*** RECORDS PROVIDED ***

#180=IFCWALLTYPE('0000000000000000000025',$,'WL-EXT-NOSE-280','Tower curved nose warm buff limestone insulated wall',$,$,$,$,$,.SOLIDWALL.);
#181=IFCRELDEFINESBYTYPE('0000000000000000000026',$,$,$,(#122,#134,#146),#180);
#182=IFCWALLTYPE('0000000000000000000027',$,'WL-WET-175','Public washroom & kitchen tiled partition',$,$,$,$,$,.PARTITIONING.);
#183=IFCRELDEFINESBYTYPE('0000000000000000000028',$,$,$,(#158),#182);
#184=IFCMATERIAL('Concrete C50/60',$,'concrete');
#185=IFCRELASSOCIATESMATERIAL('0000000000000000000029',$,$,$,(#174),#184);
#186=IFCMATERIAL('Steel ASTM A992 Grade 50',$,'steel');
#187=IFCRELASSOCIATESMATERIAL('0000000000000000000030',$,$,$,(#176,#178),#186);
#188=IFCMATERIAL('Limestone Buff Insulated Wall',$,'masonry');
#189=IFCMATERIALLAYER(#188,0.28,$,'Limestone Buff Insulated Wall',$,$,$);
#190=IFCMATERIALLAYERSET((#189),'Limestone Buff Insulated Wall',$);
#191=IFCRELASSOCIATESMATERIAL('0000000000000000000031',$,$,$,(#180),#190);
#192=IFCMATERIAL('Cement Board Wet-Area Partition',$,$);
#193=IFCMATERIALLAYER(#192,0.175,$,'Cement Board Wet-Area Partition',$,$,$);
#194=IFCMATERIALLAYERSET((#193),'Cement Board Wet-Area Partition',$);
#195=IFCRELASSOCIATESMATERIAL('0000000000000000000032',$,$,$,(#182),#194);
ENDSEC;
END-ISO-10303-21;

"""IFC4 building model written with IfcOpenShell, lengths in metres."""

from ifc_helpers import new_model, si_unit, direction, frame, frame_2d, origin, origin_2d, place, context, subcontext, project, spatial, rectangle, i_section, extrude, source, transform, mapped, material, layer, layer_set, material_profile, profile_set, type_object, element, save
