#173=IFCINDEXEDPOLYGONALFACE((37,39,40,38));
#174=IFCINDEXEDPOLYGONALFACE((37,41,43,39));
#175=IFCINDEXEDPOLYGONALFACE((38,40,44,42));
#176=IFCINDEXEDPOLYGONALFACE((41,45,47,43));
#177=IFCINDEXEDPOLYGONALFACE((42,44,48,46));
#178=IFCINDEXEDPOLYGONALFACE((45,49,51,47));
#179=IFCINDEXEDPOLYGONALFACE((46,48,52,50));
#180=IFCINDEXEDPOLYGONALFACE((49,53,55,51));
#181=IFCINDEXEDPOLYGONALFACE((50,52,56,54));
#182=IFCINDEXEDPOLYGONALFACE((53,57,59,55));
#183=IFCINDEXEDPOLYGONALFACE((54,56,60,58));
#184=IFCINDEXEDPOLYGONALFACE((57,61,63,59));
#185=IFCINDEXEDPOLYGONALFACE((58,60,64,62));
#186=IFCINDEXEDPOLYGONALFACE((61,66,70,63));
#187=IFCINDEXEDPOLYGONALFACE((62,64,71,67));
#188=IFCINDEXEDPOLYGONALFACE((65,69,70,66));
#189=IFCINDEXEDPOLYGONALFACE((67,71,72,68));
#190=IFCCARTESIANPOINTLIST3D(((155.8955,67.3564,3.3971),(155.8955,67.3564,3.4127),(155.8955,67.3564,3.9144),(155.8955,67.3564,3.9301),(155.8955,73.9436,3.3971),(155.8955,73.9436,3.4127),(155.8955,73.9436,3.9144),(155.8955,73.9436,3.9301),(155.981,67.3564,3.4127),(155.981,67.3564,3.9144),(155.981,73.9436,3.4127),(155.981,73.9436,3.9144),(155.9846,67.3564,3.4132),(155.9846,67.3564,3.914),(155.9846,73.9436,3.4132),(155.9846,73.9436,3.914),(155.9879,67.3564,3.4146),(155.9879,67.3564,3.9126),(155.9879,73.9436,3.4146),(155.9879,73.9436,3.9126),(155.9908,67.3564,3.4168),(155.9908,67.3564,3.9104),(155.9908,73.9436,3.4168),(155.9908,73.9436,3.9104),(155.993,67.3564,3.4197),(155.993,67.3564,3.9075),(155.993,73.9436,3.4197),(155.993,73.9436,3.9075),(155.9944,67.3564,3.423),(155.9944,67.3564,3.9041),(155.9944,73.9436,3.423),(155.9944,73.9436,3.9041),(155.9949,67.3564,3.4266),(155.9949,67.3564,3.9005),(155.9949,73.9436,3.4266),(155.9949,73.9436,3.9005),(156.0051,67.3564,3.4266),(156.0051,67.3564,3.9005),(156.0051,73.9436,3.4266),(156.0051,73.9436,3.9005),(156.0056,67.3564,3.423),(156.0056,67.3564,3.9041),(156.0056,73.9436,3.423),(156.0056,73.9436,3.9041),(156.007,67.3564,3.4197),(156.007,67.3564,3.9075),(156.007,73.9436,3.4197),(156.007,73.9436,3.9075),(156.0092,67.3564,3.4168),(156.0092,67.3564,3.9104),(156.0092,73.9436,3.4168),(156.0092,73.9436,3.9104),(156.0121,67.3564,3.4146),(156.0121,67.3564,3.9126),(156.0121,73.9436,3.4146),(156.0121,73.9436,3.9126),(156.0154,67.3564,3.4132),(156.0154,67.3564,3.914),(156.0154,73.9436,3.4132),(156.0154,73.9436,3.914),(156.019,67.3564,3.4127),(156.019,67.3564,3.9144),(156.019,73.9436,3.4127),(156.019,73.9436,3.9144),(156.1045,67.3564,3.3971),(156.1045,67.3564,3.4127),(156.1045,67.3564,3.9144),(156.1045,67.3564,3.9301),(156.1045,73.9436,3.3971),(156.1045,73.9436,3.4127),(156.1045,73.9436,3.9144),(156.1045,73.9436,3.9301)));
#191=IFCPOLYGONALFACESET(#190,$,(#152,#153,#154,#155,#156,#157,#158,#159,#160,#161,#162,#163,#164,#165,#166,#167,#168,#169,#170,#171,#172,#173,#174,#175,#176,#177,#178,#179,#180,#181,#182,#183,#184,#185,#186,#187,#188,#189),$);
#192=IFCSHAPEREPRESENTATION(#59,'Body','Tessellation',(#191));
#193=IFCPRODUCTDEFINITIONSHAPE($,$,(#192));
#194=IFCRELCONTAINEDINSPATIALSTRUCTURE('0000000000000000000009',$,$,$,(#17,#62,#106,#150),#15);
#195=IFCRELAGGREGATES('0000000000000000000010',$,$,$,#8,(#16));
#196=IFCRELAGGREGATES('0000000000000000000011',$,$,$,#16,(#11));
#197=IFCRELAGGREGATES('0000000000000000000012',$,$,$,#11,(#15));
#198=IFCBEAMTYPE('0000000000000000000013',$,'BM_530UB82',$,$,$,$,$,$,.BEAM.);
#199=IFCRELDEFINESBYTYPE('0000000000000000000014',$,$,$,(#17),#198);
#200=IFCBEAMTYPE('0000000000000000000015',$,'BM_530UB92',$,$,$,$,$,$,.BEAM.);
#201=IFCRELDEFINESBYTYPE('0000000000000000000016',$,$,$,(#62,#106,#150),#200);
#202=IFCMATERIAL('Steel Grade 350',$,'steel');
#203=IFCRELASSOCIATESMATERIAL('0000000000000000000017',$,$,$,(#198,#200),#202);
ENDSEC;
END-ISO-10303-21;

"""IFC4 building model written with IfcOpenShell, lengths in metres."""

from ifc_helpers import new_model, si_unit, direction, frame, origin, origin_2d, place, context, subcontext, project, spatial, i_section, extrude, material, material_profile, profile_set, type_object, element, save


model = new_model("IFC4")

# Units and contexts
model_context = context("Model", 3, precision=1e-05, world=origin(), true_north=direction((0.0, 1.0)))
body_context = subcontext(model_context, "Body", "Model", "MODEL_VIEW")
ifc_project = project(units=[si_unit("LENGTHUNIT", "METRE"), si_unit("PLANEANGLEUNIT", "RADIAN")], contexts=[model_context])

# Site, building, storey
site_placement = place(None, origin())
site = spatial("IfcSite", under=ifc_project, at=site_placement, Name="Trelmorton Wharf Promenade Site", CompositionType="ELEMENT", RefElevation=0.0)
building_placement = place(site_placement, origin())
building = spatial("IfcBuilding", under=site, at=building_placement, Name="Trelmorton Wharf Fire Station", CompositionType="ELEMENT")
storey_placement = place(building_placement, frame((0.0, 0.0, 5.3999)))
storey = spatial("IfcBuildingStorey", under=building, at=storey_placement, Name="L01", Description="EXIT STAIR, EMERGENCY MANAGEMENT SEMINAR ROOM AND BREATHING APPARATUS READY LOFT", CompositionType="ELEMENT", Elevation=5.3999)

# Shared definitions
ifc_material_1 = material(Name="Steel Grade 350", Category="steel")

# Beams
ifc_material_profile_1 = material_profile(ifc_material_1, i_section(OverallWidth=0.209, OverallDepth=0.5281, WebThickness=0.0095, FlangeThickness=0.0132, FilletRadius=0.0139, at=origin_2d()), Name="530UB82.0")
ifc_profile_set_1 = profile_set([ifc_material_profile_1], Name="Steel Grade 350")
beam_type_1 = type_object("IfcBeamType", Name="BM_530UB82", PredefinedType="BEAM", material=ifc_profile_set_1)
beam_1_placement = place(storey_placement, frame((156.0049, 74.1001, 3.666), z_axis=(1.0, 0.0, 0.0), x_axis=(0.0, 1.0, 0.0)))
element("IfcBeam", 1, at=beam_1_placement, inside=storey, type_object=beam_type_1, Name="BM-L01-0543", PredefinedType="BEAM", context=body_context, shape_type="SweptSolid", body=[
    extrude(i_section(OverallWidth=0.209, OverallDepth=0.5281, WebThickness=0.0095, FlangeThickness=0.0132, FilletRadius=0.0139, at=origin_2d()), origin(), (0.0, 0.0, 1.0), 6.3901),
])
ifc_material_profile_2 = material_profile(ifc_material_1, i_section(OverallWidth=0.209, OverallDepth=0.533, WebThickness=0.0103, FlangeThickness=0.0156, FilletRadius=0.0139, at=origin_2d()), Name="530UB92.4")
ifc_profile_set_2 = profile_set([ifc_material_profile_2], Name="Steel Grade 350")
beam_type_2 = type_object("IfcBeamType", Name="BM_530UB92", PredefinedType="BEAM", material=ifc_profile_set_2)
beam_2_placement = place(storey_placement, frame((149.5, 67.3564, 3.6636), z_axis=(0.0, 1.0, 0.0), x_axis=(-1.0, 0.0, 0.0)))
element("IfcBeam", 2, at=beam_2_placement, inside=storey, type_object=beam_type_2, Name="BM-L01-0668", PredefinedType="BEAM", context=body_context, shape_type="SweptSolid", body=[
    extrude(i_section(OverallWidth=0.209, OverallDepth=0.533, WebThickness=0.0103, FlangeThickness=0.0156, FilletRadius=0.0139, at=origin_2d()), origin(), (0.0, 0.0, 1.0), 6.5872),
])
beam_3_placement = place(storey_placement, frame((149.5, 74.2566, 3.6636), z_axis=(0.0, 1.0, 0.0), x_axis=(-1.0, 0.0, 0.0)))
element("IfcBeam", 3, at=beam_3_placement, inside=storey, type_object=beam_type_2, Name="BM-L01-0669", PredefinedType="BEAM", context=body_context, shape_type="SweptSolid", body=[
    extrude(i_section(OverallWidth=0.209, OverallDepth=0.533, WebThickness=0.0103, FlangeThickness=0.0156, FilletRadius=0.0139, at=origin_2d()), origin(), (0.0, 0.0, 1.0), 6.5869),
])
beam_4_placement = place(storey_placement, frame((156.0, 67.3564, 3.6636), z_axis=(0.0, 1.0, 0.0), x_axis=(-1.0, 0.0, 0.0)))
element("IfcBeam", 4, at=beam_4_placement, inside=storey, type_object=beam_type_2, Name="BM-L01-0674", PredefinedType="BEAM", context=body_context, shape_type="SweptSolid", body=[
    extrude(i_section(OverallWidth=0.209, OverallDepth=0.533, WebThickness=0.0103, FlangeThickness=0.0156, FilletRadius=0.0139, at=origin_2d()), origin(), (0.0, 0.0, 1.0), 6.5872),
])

*** End of RECORDS PROVIDED ***

- WHAT YOU ARE ASKED TO DO: What is needed is an exact copy of the lines above, from the one containing "#181=IFCINDEXEDPOLYGONALFACE((50,52,56,54));" through the one containing "#189=IFCINDEXEDPOLYGONALFACE((67,71,72,68));", with nothing added.

- RESPONSE:
#181=IFCINDEXEDPOLYGONALFACE((50,52,56,54));
#182=IFCINDEXEDPOLYGONALFACE((53,57,59,55));
#183=IFCINDEXEDPOLYGONALFACE((54,56,60,58));
#184=IFCINDEXEDPOLYGONALFACE((57,61,63,59));
#185=IFCINDEXEDPOLYGONALFACE((58,60,64,62));
#186=IFCINDEXEDPOLYGONALFACE((61,66,70,63));
#187=IFCINDEXEDPOLYGONALFACE((62,64,71,67));
#188=IFCINDEXEDPOLYGONALFACE((65,69,70,66));
#189=IFCINDEXEDPOLYGONALFACE((67,71,72,68));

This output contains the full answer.